**Task statement**:
Your job is to set down the stretch of entries that opens with the line containing "#130=IFCMATERIALLAYER(#129,0.23,$,'Anodised Bronze Aluminium" and closes with the line containing "#135=IFCMATERIAL('Low-E Tinted Laminated". Keep both end lines, copy each exactly, and add nothing.

Data records
- - - - -

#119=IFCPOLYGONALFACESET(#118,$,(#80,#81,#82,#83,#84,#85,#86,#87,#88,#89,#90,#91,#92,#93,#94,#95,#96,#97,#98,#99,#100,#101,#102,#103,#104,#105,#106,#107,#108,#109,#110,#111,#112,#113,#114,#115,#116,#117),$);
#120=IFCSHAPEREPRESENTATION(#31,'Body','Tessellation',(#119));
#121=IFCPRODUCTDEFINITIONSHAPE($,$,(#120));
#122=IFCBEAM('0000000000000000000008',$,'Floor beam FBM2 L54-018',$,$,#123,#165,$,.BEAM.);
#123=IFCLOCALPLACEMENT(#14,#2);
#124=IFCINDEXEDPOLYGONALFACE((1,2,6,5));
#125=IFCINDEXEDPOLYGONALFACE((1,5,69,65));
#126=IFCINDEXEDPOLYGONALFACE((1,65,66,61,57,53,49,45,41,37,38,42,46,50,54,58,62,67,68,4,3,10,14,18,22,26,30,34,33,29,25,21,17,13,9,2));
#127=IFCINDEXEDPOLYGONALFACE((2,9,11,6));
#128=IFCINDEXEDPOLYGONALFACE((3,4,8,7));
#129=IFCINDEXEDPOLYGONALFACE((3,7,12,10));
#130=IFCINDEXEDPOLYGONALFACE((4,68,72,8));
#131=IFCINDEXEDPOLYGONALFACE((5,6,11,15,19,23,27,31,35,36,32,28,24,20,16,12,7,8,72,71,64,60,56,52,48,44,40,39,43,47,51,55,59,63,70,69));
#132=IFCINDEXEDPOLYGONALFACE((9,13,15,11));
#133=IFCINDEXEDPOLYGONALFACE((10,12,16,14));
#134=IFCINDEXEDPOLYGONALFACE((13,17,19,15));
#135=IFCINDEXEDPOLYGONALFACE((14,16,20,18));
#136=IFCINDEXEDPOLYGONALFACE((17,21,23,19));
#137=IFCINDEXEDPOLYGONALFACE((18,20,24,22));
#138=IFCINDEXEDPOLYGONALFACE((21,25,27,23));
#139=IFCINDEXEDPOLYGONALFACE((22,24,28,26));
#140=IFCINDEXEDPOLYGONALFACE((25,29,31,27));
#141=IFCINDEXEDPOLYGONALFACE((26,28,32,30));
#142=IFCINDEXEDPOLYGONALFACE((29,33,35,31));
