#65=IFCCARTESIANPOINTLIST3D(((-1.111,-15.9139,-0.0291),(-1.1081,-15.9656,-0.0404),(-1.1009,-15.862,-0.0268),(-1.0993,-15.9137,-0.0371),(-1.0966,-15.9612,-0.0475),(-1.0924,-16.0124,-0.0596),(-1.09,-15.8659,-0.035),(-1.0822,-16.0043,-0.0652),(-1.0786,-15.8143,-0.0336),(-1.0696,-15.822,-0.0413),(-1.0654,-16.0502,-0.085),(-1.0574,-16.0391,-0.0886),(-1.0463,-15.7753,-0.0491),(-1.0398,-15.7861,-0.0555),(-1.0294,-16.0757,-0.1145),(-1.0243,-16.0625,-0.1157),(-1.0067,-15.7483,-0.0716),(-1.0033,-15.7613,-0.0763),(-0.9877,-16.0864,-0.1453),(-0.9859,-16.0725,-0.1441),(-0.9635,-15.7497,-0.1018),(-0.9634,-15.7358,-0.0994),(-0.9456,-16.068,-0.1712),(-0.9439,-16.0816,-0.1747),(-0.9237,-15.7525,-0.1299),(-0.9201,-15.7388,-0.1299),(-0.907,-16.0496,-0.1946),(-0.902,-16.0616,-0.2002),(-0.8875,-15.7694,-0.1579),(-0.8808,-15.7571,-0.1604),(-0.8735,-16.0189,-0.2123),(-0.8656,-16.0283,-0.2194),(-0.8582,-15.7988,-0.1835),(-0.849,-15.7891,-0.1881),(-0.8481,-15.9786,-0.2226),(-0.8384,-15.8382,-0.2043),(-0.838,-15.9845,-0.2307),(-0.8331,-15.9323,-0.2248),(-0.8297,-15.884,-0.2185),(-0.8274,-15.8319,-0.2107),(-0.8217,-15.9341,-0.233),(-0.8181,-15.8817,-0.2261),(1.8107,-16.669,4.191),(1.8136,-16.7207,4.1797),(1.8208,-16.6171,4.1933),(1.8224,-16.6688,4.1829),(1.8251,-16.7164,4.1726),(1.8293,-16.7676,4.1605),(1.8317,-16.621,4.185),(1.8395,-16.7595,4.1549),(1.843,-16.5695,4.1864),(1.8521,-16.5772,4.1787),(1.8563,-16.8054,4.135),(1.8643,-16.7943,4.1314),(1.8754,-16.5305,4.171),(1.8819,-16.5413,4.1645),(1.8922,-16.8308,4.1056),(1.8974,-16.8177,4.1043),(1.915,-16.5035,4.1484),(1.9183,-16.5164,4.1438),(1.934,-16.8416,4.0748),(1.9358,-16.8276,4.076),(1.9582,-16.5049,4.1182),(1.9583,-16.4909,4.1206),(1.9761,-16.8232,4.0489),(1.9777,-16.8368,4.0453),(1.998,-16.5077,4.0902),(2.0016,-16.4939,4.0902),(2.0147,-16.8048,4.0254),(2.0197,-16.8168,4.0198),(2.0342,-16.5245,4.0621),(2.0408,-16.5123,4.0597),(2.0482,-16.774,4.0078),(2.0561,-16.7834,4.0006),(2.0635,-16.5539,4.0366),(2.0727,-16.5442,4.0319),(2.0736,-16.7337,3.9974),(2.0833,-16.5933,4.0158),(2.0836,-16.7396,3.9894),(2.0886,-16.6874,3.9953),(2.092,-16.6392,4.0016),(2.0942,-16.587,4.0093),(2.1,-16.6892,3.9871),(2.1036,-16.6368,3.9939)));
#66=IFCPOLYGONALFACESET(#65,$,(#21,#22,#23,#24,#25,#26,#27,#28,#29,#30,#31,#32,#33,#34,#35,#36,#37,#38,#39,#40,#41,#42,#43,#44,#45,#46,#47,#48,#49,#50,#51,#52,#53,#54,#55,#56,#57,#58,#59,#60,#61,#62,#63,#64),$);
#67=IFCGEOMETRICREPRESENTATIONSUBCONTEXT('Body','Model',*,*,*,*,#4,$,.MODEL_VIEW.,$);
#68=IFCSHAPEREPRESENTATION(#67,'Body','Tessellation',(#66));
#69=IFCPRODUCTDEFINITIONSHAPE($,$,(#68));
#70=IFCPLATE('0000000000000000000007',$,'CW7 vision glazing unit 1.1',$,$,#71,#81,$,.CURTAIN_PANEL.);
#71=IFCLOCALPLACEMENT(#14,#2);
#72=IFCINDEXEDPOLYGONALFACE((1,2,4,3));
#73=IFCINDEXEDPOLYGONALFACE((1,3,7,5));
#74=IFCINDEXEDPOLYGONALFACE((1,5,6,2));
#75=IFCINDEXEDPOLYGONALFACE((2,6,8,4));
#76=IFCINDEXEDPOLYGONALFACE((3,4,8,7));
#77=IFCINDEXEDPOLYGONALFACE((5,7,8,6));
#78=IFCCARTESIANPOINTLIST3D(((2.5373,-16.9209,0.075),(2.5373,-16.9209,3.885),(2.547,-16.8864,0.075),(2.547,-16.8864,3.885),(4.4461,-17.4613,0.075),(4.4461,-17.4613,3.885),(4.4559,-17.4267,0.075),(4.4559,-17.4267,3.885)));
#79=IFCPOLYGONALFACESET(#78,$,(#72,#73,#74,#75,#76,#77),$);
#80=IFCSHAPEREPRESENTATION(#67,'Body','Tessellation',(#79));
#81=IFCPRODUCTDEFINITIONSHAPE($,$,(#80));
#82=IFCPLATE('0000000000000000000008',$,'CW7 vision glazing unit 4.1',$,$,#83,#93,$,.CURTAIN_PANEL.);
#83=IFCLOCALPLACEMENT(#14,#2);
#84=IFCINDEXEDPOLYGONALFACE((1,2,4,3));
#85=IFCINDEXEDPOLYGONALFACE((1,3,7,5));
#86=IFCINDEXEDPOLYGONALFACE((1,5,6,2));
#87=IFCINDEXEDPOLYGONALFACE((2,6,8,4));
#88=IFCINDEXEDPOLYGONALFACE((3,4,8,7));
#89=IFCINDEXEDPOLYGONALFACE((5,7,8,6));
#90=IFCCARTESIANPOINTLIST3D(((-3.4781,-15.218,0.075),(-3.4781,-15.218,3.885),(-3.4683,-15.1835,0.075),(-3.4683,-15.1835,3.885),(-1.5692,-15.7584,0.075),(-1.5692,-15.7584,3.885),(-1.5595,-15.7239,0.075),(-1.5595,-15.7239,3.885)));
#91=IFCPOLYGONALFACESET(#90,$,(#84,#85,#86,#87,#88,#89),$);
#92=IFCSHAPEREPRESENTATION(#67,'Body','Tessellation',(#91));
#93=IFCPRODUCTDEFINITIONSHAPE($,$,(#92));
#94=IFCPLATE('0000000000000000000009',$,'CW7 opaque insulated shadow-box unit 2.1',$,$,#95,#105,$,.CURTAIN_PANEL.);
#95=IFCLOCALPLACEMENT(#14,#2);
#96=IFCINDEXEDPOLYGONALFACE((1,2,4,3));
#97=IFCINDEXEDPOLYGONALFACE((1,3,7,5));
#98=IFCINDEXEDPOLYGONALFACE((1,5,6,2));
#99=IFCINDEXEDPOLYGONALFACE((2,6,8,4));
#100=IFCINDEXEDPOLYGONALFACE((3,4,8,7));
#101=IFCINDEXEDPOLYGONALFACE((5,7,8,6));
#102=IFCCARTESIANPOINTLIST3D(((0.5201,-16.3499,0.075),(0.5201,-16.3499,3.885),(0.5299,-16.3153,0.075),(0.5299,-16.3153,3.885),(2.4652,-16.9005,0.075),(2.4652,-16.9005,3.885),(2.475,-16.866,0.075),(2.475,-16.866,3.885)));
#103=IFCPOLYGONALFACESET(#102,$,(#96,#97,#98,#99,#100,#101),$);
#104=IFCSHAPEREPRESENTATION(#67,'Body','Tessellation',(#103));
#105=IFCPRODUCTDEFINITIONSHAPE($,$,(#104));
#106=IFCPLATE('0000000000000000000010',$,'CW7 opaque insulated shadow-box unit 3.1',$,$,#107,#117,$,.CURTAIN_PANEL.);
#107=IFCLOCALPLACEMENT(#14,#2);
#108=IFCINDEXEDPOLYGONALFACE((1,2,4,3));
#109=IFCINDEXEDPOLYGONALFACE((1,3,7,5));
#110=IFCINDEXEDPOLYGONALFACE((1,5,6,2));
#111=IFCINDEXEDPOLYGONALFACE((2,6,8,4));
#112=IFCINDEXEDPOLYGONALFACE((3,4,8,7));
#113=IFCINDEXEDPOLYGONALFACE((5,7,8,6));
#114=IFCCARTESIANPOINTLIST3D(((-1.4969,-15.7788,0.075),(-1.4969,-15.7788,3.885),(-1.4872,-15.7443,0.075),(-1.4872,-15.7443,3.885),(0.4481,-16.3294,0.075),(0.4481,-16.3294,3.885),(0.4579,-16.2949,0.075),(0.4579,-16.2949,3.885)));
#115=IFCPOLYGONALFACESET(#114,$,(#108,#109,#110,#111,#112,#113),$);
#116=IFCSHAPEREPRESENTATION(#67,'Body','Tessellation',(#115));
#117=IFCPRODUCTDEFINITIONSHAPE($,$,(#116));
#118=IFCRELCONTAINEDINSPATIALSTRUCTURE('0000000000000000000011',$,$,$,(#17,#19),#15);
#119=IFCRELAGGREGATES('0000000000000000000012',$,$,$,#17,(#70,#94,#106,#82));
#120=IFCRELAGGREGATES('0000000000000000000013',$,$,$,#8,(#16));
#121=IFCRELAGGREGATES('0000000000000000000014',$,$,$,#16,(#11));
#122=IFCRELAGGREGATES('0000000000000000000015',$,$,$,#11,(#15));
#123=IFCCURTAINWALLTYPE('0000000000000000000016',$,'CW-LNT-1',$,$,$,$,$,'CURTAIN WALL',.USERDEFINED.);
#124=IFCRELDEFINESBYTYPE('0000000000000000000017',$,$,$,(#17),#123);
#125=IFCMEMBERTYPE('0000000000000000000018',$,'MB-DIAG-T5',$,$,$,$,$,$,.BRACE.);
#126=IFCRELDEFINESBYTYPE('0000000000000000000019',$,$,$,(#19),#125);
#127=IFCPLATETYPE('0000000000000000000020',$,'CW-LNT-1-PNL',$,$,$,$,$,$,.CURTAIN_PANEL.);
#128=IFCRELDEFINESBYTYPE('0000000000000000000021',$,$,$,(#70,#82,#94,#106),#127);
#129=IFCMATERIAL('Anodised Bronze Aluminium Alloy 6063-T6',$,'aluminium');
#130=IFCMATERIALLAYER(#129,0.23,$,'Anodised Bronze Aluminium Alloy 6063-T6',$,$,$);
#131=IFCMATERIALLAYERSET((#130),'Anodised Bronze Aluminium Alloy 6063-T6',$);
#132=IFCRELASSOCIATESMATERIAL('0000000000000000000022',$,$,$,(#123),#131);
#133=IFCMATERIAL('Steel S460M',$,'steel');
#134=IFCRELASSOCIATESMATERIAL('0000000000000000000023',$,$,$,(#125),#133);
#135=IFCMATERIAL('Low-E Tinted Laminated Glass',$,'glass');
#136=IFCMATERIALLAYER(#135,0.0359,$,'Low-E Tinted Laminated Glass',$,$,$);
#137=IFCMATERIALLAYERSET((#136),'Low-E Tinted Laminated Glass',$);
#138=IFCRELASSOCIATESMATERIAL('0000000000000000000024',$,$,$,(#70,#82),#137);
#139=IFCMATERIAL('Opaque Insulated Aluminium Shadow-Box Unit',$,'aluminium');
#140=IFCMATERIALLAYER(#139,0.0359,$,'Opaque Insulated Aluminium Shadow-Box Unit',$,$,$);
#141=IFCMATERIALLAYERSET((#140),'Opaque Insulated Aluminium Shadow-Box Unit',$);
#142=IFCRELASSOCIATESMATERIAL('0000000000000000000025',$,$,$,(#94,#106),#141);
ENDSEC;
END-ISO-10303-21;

- - - - -

**Solution for this problem**:
#130=IFCMATERIALLAYER(#129,0.23,$,'Anodised Bronze Aluminium Alloy 6063-T6',$,$,$);
#131=IFCMATERIALLAYERSET((#130),'Anodised Bronze Aluminium Alloy 6063-T6',$);
#132=IFCRELASSOCIATESMATERIAL('0000000000000000000022',$,$,$,(#123),#131);
#133=IFCMATERIAL('Steel S460M',$,'steel');
#134=IFCRELASSOCIATESMATERIAL('0000000000000000000023',$,$,$,(#125),#133);
#135=IFCMATERIAL('Low-E Tinted Laminated Glass',$,'glass');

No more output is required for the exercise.